## RECORD EXTRACTS

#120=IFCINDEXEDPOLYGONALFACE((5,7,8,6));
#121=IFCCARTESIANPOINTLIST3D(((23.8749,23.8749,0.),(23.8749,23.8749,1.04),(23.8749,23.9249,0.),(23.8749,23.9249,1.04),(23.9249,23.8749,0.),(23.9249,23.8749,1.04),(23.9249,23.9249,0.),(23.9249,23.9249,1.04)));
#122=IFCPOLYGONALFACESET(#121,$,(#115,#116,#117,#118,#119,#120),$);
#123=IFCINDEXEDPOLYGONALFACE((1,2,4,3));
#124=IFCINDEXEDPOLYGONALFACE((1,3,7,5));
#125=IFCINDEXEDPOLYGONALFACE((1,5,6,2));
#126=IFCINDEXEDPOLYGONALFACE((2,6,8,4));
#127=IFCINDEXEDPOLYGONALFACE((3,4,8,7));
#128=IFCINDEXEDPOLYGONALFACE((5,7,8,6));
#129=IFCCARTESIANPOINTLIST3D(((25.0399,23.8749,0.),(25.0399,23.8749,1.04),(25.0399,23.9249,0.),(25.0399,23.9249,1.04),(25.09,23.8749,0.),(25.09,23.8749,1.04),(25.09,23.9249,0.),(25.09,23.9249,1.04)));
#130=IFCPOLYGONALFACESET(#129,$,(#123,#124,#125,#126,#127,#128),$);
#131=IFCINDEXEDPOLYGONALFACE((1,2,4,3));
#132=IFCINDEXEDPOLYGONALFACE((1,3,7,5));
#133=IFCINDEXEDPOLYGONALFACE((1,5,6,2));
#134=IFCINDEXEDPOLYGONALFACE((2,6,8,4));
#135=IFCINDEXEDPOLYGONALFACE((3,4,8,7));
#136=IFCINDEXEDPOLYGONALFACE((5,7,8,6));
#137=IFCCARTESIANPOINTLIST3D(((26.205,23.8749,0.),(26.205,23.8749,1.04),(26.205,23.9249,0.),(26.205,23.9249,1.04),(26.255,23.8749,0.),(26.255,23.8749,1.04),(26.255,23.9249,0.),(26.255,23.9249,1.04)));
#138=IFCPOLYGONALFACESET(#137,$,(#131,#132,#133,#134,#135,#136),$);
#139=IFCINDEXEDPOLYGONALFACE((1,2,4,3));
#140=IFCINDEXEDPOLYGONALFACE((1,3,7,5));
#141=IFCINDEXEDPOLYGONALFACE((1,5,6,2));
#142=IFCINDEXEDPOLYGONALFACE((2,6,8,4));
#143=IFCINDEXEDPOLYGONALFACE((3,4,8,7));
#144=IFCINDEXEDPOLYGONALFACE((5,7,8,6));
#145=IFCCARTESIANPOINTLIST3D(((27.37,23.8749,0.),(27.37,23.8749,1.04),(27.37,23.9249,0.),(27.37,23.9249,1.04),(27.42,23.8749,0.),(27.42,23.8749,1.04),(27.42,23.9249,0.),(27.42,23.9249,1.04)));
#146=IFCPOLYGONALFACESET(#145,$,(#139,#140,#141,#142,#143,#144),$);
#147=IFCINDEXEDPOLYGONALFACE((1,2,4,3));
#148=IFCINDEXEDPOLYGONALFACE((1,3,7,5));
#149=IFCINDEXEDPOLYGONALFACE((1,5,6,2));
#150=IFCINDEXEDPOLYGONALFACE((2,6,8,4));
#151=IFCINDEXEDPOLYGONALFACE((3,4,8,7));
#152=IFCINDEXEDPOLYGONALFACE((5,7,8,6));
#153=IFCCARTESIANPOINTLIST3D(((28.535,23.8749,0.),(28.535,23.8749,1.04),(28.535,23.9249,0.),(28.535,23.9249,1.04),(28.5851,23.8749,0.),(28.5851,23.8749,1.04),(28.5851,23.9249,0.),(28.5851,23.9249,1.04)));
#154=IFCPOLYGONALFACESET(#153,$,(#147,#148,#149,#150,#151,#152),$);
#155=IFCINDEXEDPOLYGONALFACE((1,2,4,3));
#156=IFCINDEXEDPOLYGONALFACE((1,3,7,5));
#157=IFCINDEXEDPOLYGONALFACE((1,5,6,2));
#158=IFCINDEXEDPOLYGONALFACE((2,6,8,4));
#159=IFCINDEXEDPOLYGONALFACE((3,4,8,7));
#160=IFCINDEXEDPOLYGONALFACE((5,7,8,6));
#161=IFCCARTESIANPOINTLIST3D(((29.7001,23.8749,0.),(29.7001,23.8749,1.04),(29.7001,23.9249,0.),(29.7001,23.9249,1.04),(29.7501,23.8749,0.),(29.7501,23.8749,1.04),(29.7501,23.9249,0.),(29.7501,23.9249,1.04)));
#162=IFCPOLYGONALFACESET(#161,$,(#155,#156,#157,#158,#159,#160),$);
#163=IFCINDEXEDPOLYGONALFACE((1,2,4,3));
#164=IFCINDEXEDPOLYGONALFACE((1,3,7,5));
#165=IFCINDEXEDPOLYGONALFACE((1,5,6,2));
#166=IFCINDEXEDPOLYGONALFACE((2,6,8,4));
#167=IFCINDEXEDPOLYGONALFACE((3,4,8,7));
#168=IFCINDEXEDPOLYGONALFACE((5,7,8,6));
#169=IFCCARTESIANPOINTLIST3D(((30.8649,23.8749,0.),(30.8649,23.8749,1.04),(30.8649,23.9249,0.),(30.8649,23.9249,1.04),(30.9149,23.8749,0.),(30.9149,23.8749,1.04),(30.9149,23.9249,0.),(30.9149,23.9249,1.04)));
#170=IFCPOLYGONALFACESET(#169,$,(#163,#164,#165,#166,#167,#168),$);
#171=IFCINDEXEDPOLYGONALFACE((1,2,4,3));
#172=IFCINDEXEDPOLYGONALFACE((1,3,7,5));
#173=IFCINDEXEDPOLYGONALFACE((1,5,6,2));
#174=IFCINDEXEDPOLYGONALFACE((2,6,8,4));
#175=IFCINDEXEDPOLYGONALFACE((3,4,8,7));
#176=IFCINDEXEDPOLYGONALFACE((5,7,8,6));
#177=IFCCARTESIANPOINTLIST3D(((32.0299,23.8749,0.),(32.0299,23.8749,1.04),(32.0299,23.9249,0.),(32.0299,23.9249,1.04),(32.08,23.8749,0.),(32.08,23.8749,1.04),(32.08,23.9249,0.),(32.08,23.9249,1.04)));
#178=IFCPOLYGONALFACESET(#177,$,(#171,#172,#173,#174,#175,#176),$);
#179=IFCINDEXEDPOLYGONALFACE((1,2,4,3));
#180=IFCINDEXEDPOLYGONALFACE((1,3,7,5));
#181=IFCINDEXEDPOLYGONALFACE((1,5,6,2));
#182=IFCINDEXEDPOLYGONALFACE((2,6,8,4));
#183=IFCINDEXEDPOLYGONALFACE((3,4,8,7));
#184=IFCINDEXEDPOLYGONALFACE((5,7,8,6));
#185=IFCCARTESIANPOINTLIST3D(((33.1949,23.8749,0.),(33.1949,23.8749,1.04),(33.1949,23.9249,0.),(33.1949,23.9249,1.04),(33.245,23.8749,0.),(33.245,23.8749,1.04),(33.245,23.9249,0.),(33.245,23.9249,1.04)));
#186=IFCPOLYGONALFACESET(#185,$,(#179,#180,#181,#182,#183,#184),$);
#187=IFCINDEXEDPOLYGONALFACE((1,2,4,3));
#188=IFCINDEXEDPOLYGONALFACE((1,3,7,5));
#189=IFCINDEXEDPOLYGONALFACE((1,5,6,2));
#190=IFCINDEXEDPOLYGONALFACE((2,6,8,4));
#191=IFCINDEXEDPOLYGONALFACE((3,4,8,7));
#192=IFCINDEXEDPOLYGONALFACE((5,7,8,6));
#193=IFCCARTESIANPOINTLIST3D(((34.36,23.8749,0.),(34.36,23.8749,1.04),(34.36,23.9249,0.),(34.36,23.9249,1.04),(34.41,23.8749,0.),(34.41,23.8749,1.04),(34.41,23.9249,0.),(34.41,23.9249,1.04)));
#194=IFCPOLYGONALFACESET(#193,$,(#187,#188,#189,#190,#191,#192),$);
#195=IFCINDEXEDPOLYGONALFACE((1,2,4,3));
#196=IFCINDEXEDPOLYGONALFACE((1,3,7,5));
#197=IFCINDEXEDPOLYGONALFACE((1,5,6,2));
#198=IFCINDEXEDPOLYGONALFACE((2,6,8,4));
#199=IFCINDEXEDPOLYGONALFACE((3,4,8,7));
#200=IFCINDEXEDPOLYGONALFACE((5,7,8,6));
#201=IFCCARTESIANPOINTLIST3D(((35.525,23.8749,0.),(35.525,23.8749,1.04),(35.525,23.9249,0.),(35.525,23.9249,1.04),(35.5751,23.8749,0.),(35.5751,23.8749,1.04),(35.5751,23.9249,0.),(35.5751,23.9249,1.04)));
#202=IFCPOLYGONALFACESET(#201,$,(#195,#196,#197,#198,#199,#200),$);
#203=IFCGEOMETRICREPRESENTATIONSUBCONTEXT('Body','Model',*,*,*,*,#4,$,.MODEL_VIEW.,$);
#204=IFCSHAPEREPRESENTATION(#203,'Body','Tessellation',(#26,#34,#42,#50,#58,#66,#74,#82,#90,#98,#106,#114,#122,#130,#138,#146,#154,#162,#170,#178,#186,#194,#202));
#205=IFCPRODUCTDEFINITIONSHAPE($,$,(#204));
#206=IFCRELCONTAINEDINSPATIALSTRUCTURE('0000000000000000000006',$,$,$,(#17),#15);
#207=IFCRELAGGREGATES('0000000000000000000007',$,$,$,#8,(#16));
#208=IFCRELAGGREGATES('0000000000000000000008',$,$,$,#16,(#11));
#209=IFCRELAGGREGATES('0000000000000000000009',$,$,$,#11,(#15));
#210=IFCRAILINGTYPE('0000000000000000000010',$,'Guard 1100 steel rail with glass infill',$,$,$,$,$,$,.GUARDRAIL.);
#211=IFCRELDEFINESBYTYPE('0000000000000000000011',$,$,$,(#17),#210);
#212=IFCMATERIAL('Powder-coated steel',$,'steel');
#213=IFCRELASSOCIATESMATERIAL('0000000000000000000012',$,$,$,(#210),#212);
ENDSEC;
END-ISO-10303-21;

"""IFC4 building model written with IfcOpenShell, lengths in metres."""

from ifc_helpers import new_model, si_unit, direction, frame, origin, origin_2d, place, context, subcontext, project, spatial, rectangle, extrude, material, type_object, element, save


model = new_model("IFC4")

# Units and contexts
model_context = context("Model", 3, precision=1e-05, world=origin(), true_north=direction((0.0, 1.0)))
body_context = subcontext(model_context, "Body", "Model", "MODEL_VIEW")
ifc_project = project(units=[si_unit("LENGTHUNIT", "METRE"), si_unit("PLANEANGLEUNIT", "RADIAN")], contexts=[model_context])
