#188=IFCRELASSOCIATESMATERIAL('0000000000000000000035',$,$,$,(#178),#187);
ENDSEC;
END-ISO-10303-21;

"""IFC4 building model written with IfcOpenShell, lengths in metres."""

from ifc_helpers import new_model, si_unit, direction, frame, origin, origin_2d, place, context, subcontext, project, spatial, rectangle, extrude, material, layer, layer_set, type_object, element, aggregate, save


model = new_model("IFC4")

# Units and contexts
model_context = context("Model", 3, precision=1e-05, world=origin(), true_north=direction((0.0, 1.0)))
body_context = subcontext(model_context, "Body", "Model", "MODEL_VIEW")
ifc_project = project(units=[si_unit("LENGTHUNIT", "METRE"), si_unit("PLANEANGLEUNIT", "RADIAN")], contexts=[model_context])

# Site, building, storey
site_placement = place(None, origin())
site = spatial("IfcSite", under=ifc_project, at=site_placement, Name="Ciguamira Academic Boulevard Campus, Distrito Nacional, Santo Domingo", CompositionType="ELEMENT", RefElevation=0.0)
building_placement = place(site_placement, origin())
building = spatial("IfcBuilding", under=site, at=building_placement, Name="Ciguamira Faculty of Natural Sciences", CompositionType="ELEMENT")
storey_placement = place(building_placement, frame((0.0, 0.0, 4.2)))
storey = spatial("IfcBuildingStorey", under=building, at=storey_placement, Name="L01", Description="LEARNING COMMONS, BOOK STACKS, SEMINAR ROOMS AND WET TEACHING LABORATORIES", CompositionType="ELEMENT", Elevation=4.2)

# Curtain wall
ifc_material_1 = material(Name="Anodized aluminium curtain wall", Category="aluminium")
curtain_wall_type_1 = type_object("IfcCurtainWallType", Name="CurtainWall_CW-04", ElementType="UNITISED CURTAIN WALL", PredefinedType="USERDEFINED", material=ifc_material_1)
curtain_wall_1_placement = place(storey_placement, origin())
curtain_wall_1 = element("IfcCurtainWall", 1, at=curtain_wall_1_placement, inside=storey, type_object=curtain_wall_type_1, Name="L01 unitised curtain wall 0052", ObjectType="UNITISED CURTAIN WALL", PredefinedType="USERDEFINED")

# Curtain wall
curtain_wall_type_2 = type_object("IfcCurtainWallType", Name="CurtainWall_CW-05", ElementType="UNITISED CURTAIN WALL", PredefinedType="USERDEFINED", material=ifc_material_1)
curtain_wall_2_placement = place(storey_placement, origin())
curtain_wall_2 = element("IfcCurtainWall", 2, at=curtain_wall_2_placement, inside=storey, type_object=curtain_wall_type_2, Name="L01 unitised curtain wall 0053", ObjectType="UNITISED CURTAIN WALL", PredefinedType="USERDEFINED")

## WHAT THE EXERCISE ASKS
Scan the lines above for the word "save". Return each one that has it.

## ANSWER BOX
from ifc_helpers import new_model, si_unit, direction, frame, origin, origin_2d, place, context, subcontext, project, spatial, rectangle, extrude, material, type_object, element, save
from ifc_helpers import new_model, si_unit, direction, frame, origin, origin_2d, place, context, subcontext, project, spatial, rectangle, extrude, material, layer, layer_set, type_object, element, aggregate, save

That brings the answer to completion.